_Task requirements:_ Write out again, exactly, the lines below starting at the one with "#127=IFCINDEXEDPOLYGONALFACE((11,12,16,15));" and ending at the one with "#132=IFCINDEXEDPOLYGONALFACE((21,25,26,22));".
- - - -
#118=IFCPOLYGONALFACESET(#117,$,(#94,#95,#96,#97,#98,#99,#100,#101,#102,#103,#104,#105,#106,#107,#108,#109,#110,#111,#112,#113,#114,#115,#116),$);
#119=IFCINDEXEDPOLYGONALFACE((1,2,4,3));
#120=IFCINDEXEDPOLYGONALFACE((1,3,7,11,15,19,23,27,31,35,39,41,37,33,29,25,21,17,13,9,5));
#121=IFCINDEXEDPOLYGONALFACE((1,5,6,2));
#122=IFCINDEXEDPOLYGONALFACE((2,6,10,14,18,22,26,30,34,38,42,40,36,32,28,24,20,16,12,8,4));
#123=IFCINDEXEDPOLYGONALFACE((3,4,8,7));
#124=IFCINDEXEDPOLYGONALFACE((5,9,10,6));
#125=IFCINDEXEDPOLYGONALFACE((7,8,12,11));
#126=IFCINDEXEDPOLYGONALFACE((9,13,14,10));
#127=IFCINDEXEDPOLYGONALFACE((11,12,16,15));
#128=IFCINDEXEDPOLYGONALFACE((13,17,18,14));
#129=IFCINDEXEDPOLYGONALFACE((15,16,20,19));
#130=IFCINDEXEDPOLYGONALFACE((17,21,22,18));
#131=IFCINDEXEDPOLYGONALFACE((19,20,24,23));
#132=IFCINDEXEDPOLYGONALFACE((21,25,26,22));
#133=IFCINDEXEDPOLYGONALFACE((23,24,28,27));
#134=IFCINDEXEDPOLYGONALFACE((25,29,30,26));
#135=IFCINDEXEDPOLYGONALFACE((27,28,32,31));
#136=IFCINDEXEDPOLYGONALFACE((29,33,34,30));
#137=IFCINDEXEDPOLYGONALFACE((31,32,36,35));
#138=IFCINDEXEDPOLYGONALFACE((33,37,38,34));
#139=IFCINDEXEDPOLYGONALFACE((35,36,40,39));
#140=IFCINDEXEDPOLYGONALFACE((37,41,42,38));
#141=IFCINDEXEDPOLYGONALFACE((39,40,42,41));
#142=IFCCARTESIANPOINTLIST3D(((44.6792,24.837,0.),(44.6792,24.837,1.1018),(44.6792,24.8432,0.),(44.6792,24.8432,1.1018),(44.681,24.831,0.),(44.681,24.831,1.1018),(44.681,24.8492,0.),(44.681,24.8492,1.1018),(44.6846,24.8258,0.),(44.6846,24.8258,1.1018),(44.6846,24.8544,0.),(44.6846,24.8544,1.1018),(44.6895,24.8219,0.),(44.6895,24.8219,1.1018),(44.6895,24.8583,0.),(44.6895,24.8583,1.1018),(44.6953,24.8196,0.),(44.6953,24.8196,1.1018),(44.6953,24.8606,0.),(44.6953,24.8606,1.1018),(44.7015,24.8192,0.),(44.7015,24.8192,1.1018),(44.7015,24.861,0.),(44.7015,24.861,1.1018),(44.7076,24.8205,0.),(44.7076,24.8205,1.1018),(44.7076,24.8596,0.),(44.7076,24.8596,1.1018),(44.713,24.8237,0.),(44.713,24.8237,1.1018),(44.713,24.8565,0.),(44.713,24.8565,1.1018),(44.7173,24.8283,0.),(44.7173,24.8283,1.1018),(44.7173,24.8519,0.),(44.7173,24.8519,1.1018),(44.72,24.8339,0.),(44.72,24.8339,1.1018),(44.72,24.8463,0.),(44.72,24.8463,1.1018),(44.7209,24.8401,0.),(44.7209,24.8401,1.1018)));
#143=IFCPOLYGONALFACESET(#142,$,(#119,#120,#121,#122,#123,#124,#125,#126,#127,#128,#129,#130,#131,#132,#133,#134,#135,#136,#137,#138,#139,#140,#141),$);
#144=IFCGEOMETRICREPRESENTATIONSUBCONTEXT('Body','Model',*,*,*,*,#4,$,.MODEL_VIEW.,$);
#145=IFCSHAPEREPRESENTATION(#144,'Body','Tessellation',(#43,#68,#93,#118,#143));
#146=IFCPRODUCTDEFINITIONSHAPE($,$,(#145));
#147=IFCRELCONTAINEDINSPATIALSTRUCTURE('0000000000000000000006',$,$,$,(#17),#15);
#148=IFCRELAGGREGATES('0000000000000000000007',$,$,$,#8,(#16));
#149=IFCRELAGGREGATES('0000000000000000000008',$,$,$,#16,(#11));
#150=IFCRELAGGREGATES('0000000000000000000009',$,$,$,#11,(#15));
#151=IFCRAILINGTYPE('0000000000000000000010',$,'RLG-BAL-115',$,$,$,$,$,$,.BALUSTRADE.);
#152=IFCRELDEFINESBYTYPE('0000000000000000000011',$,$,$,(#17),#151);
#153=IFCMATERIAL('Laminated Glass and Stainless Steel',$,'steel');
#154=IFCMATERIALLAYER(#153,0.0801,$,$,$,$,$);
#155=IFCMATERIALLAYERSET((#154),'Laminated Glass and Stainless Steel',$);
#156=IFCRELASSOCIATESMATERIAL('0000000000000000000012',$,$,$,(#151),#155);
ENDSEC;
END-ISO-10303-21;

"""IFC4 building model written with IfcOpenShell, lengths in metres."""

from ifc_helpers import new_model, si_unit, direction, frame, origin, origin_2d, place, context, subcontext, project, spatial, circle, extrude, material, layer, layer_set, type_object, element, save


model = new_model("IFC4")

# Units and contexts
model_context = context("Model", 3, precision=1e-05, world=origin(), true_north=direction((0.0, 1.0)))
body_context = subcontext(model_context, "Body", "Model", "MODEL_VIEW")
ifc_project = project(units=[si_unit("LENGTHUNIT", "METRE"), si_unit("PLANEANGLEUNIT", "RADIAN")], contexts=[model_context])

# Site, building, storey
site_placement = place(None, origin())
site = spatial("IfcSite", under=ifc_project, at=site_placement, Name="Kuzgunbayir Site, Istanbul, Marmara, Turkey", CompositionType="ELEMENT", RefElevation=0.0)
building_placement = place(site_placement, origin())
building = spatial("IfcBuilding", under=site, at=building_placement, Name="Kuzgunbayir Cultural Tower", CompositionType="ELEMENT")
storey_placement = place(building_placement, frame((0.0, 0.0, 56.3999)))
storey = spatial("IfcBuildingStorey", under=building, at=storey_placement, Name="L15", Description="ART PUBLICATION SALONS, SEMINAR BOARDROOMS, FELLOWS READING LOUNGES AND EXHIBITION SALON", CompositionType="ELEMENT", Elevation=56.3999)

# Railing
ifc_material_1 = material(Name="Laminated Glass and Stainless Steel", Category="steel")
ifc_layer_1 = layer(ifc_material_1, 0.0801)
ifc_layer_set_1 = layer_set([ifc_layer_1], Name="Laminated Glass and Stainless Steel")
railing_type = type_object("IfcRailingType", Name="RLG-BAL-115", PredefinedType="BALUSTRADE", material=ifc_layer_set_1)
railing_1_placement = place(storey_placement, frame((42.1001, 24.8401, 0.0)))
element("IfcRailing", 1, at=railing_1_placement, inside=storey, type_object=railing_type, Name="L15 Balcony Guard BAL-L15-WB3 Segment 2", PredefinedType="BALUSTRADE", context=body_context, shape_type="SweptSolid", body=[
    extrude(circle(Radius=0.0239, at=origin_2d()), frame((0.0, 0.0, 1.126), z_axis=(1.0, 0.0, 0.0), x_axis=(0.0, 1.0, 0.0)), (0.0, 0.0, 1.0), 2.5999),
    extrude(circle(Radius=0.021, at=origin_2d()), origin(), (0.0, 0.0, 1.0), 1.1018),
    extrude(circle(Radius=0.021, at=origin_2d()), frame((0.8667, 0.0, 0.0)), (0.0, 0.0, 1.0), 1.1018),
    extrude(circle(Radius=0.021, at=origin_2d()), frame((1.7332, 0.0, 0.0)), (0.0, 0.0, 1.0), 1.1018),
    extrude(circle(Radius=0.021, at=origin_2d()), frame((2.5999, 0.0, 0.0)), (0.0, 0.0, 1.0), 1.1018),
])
- - - -
_Solution for this task:_
#127=IFCINDEXEDPOLYGONALFACE((11,12,16,15));
#128=IFCINDEXEDPOLYGONALFACE((13,17,18,14));
#129=IFCINDEXEDPOLYGONALFACE((15,16,20,19));
#130=IFCINDEXEDPOLYGONALFACE((17,21,22,18));
#131=IFCINDEXEDPOLYGONALFACE((19,20,24,23));
#132=IFCINDEXEDPOLYGONALFACE((21,25,26,22));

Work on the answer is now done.